Look at each line below and tally those holding "Tessellation"; answer with that figure and nothing else.
Start of Source material
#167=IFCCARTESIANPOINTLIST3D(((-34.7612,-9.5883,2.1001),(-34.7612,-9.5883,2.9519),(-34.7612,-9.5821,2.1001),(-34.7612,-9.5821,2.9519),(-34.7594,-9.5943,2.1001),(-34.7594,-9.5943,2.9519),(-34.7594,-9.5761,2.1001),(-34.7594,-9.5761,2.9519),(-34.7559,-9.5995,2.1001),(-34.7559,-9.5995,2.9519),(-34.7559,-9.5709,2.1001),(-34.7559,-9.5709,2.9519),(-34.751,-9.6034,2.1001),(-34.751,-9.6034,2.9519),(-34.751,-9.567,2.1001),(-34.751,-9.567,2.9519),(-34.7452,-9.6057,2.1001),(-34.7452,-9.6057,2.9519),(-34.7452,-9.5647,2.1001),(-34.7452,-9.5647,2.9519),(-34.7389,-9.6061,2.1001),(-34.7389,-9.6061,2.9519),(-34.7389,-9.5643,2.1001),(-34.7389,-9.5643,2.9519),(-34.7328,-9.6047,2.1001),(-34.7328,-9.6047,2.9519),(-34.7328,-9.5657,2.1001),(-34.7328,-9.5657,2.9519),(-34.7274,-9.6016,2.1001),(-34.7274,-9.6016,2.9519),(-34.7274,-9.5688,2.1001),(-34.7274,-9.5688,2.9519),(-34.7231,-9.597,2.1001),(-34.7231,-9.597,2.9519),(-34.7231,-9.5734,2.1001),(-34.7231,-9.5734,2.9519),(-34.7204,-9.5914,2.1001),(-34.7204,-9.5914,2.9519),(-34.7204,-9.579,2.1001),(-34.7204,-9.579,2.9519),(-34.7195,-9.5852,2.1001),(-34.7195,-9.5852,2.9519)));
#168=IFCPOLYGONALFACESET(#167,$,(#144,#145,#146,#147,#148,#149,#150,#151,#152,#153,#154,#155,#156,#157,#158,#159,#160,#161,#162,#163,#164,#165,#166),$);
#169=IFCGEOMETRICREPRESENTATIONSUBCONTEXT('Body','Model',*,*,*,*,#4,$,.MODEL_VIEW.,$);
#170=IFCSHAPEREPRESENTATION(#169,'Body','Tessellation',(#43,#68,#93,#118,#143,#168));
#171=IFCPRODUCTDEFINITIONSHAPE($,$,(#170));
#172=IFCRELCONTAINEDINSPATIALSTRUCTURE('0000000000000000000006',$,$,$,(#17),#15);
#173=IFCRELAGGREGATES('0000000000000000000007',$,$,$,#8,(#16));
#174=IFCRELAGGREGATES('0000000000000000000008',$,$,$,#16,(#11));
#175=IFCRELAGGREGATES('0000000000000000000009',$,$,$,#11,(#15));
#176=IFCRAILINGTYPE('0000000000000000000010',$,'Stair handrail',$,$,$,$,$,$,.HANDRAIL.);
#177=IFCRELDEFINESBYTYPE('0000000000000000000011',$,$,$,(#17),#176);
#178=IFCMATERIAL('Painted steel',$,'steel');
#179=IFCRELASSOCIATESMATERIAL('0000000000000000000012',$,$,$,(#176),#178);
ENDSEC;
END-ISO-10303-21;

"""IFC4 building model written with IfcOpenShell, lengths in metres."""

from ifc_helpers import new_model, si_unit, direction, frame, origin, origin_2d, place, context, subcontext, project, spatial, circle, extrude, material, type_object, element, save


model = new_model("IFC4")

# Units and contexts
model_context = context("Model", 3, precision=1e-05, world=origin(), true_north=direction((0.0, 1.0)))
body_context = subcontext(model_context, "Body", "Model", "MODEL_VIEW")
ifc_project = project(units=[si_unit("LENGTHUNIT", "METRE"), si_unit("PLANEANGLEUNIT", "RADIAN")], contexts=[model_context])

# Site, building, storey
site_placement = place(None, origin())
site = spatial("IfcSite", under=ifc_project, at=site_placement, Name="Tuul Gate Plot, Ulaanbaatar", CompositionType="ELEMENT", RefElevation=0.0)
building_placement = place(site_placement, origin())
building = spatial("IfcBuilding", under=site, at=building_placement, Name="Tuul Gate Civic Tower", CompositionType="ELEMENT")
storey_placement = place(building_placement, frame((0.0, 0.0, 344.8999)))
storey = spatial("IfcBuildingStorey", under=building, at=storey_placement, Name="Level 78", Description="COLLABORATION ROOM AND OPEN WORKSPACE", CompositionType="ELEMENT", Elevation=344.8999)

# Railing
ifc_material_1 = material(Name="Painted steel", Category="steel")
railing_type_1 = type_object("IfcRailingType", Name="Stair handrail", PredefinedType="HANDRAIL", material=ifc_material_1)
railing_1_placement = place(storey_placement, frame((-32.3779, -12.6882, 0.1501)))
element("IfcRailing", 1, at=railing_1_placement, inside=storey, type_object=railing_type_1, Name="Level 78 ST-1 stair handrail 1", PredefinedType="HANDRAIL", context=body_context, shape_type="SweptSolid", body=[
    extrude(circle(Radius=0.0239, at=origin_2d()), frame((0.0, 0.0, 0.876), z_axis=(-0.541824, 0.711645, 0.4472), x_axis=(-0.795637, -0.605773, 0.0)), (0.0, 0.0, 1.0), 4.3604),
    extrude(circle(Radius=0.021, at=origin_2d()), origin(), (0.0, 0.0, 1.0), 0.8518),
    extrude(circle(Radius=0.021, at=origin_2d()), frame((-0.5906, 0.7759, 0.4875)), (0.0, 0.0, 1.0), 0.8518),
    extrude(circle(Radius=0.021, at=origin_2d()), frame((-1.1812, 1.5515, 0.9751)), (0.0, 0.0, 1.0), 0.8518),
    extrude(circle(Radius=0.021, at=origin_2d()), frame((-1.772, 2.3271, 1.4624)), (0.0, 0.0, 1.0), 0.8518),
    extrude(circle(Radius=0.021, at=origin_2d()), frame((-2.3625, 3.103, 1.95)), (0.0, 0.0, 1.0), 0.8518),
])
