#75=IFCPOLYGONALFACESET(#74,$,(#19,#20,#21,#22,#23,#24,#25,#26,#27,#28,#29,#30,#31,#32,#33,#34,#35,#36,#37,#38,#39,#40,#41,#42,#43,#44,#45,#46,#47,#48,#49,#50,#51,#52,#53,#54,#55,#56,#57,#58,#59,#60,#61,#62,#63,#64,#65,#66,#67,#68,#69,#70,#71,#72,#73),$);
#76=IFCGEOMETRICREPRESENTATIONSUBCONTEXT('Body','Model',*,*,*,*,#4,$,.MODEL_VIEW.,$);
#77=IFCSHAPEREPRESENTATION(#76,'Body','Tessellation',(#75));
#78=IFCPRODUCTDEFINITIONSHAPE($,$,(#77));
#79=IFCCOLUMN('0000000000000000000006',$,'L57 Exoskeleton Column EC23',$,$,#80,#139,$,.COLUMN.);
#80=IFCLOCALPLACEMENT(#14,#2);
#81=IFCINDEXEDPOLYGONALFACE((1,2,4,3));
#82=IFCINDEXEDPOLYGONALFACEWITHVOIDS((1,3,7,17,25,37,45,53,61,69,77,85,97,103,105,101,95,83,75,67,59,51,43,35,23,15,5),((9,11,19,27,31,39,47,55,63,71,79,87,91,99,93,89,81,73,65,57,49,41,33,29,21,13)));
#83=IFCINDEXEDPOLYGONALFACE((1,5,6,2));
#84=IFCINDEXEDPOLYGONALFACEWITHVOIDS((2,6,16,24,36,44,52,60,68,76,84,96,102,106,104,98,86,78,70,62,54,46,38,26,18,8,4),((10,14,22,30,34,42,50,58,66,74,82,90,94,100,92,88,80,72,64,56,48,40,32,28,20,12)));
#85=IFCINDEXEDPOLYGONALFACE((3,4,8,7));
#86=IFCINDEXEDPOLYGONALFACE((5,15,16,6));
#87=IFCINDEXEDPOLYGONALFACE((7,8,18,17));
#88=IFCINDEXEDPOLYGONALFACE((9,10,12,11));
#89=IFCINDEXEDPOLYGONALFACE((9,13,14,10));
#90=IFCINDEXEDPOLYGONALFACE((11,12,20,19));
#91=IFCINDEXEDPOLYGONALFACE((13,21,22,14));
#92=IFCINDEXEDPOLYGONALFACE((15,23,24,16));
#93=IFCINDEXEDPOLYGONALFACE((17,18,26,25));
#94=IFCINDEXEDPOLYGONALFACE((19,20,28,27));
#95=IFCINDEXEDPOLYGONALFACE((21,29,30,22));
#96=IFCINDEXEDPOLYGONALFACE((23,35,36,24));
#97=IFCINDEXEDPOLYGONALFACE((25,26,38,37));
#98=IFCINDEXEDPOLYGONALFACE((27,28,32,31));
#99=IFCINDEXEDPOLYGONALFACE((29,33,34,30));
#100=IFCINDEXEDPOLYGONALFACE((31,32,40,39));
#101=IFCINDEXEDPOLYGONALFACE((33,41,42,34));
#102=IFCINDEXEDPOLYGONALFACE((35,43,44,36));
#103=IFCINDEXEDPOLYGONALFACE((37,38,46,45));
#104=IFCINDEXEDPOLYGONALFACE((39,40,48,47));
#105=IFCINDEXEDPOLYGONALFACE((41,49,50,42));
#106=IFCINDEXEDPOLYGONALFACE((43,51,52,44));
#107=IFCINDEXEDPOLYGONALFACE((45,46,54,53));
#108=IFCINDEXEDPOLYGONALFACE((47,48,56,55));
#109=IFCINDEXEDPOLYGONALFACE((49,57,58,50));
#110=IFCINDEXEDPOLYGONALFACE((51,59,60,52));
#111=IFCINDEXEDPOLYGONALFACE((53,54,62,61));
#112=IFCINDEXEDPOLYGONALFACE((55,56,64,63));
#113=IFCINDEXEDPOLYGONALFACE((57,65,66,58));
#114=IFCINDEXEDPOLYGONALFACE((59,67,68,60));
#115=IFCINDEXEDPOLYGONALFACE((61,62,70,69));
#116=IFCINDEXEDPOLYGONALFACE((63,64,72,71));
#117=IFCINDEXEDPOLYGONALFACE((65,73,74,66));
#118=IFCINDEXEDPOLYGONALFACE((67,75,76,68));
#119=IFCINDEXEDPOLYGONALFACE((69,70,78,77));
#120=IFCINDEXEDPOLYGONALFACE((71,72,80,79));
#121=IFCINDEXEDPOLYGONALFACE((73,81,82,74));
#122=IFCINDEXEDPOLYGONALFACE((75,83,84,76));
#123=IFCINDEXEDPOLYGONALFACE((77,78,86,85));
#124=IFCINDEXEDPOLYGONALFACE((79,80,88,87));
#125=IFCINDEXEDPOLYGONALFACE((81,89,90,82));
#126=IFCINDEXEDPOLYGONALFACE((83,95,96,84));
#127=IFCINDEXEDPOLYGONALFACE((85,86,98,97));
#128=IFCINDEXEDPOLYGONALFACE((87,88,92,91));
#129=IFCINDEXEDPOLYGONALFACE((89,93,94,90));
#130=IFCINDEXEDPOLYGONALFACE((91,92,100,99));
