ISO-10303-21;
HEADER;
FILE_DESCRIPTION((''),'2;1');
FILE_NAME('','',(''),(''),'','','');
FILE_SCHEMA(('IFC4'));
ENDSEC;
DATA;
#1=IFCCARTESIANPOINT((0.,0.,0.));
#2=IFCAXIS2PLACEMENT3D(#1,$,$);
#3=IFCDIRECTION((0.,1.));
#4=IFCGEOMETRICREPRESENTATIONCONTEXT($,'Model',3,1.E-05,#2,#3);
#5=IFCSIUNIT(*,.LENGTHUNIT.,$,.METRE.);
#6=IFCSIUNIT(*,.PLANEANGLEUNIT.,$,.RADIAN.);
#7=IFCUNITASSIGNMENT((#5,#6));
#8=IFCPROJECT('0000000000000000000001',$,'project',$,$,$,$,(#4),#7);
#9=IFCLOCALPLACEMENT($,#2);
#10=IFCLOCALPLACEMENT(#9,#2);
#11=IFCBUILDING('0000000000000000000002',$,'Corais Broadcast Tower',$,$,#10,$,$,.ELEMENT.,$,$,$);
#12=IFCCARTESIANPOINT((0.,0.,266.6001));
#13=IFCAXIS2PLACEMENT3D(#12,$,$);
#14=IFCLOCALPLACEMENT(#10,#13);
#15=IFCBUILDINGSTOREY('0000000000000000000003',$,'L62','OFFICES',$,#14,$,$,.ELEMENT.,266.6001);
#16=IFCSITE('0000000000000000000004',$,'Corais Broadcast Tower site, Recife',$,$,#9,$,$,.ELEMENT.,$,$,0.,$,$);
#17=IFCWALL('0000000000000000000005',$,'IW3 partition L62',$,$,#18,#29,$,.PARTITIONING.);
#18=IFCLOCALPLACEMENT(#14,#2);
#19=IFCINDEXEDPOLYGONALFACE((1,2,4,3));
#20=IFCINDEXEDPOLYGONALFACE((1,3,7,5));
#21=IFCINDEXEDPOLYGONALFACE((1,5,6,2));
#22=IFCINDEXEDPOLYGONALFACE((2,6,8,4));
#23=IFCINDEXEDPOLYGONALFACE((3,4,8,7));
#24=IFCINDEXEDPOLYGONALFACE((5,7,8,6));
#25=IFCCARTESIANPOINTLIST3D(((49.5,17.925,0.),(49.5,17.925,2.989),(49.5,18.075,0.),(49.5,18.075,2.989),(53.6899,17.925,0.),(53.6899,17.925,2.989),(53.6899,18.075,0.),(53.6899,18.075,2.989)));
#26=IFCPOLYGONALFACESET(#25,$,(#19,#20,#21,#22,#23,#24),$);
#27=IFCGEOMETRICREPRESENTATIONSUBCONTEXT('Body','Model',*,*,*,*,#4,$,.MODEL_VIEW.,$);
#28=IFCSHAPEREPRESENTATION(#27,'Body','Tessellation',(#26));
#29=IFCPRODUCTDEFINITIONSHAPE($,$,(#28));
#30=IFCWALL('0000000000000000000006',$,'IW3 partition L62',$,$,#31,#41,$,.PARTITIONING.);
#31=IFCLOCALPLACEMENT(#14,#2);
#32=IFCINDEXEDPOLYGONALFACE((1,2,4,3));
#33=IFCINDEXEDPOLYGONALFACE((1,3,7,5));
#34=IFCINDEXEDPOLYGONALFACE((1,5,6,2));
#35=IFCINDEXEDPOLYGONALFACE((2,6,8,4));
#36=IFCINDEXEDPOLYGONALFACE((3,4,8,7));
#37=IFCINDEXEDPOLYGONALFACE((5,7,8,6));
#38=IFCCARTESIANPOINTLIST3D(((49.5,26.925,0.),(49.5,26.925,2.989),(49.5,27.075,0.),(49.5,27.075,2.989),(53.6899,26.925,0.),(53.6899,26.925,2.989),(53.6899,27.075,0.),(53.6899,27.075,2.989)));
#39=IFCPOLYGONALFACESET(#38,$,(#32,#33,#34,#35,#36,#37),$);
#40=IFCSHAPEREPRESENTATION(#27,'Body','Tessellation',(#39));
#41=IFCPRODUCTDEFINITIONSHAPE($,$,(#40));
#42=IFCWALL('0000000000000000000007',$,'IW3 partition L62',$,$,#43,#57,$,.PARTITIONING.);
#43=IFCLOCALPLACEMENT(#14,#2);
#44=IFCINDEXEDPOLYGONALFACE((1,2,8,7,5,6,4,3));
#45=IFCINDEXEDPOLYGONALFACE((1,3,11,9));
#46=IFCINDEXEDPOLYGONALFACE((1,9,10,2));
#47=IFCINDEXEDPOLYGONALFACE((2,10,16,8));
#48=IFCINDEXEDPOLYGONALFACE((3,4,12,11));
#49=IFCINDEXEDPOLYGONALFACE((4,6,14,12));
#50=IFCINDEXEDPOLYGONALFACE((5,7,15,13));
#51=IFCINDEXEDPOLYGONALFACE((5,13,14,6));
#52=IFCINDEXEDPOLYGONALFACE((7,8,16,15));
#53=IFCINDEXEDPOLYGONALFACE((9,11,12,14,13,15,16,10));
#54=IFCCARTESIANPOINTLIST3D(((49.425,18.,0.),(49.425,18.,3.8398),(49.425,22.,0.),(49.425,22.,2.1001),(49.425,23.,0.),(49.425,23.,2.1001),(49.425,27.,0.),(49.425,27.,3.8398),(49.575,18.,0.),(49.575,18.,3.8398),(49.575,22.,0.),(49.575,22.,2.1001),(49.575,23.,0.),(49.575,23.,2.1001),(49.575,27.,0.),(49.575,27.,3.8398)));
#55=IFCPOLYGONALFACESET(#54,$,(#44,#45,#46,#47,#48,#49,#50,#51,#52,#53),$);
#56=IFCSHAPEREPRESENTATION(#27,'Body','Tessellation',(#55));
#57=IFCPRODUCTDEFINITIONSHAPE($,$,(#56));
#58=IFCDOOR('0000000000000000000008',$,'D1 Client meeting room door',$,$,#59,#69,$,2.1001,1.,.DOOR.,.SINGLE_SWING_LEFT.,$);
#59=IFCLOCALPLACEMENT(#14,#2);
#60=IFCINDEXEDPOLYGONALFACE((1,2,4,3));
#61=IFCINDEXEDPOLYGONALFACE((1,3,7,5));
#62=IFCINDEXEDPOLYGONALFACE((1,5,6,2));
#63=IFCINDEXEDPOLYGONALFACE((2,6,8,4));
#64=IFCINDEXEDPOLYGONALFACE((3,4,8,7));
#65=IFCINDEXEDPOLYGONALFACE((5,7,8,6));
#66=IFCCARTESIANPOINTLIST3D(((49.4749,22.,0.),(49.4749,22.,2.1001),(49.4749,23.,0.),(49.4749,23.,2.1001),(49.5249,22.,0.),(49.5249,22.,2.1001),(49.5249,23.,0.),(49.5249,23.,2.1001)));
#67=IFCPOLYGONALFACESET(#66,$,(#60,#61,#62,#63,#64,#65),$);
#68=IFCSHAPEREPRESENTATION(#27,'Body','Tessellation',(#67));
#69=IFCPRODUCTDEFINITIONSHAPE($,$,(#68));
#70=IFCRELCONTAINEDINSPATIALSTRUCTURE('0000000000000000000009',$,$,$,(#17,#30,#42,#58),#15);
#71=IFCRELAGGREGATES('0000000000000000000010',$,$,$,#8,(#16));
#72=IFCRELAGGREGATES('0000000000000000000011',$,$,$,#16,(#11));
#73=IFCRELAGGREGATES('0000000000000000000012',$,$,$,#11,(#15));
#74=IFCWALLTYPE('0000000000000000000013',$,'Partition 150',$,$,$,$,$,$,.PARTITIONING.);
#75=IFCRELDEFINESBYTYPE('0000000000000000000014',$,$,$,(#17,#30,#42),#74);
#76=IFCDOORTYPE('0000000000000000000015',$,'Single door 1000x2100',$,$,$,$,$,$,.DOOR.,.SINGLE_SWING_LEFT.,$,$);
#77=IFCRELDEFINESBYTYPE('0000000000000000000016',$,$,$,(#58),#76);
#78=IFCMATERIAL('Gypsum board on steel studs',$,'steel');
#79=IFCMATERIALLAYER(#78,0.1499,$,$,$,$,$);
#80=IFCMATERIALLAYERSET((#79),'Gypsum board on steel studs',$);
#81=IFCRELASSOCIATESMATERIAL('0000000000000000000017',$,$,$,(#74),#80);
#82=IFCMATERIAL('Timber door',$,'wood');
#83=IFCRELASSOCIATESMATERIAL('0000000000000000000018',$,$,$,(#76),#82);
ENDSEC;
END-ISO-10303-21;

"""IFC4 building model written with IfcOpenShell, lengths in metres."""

from ifc_helpers import new_model, si_unit, direction, frame, frame_2d, origin, place, context, subcontext, project, spatial, rectangle, extrude, material, layer, layer_set, type_object, element, fill, save


model = new_model("IFC4")

# Units and contexts
model_context = context("Model", 3, precision=1e-05, world=origin(), true_north=direction((0.0, 1.0)))
body_context = subcontext(model_context, "Body", "Model", "MODEL_VIEW")
ifc_project = project(units=[si_unit("LENGTHUNIT", "METRE"), si_unit("PLANEANGLEUNIT", "RADIAN")], contexts=[model_context])

# Site, building, storey
site_placement = place(None, origin())
site = spatial("IfcSite", under=ifc_project, at=site_placement, Name="Corais Broadcast Tower site, Recife", CompositionType="ELEMENT", RefElevation=0.0)
building_placement = place(site_placement, origin())
building = spatial("IfcBuilding", under=site, at=building_placement, Name="Corais Broadcast Tower", CompositionType="ELEMENT")
storey_placement = place(building_placement, frame((0.0, 0.0, 266.6001)))
storey = spatial("IfcBuildingStorey", under=building, at=storey_placement, Name="L62", Description="OFFICES", CompositionType="ELEMENT", Elevation=266.6001)

# Walls
ifc_material_1 = material(Name="Gypsum board on steel studs", Category="steel")
ifc_layer_1 = layer(ifc_material_1, 0.1499)
ifc_layer_set_1 = layer_set([ifc_layer_1], Name="Gypsum board on steel studs")
wall_type = type_object("IfcWallType", Name="Partition 150", PredefinedType="PARTITIONING", material=ifc_layer_set_1)
for number, where, z_axis, x_axis, name in (
    (1, (49.5, 18.0, 0.0), (0.0, 0.0, 1.0), (1.0, 0.0, 0.0), "IW3 partition L62"),
    (2, (53.6899, 27.0, 0.0), (0.0, 0.0, 1.0), (-1.0, 0.0, 0.0), "IW3 partition L62"),
):
    element("IfcWall", number, at=place(storey_placement, frame(where, z_axis=z_axis, x_axis=x_axis)), inside=storey, type_object=wall_type, Name=name, PredefinedType="PARTITIONING", context=body_context, shape_type="SweptSolid", body=[
        extrude(rectangle(XDim=4.1899, YDim=0.1499, at=frame_2d((2.095, 0.0))), origin(), (0.0, 0.0, 1.0), 2.989),
    ])

# Wall, opening, door
wall_placement = place(storey_placement, frame((49.5, 27.0, 0.0), z_axis=(0.0, 0.0, 1.0), x_axis=(0.0, -1.0, 0.0)))
wall = element("IfcWall", 3, at=wall_placement, inside=storey, type_object=wall_type, Name="IW3 partition L62", PredefinedType="PARTITIONING", context=body_context, shape_type="SweptSolid", body=[
    extrude(rectangle(XDim=9.0, YDim=0.1499, at=frame_2d((4.5, 0.0))), origin(), (0.0, 0.0, 1.0), 3.8398),
])
opening_placement = place(wall_placement, frame((4.0, 0.0, 0.0)))
opening = element("IfcOpeningElement", 4, at=opening_placement, cuts=wall, PredefinedType="OPENING", context=body_context, shape_type="SweptSolid", body=[
    extrude(rectangle(XDim=1.0, YDim=2.1001, at=frame_2d((0.5, 1.05))), frame((0.0, 0.085, 0.0), z_axis=(0.0, -1.0, 0.0), x_axis=(1.0, 0.0, 0.0)), (0.0, 0.0, 1.0), 0.1699),
])
ifc_material_2 = material(Name="Timber door", Category="wood")
door_type = type_object("IfcDoorType", Name="Single door 1000x2100", OperationType="SINGLE_SWING_LEFT", PredefinedType="DOOR", material=ifc_material_2)
door_placement = place(opening_placement, origin())
door = element("IfcDoor", 5, at=door_placement, inside=storey, type_object=door_type, Name="D1 Client meeting room door", OperationType="SINGLE_SWING_LEFT", OverallHeight=2.1001, OverallWidth=1.0, PredefinedType="DOOR", context=body_context, shape_type="SweptSolid", body=[
    extrude(rectangle(XDim=1.0, YDim=2.1001, at=frame_2d((0.5, 1.05))), frame((0.0, 0.0249, 0.0), z_axis=(0.0, -1.0, 0.0), x_axis=(1.0, 0.0, 0.0)), (0.0, 0.0, 1.0), 0.05),
])
fill(opening, door)

save(model, "model.ifc")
End of Source material
Answer section:
6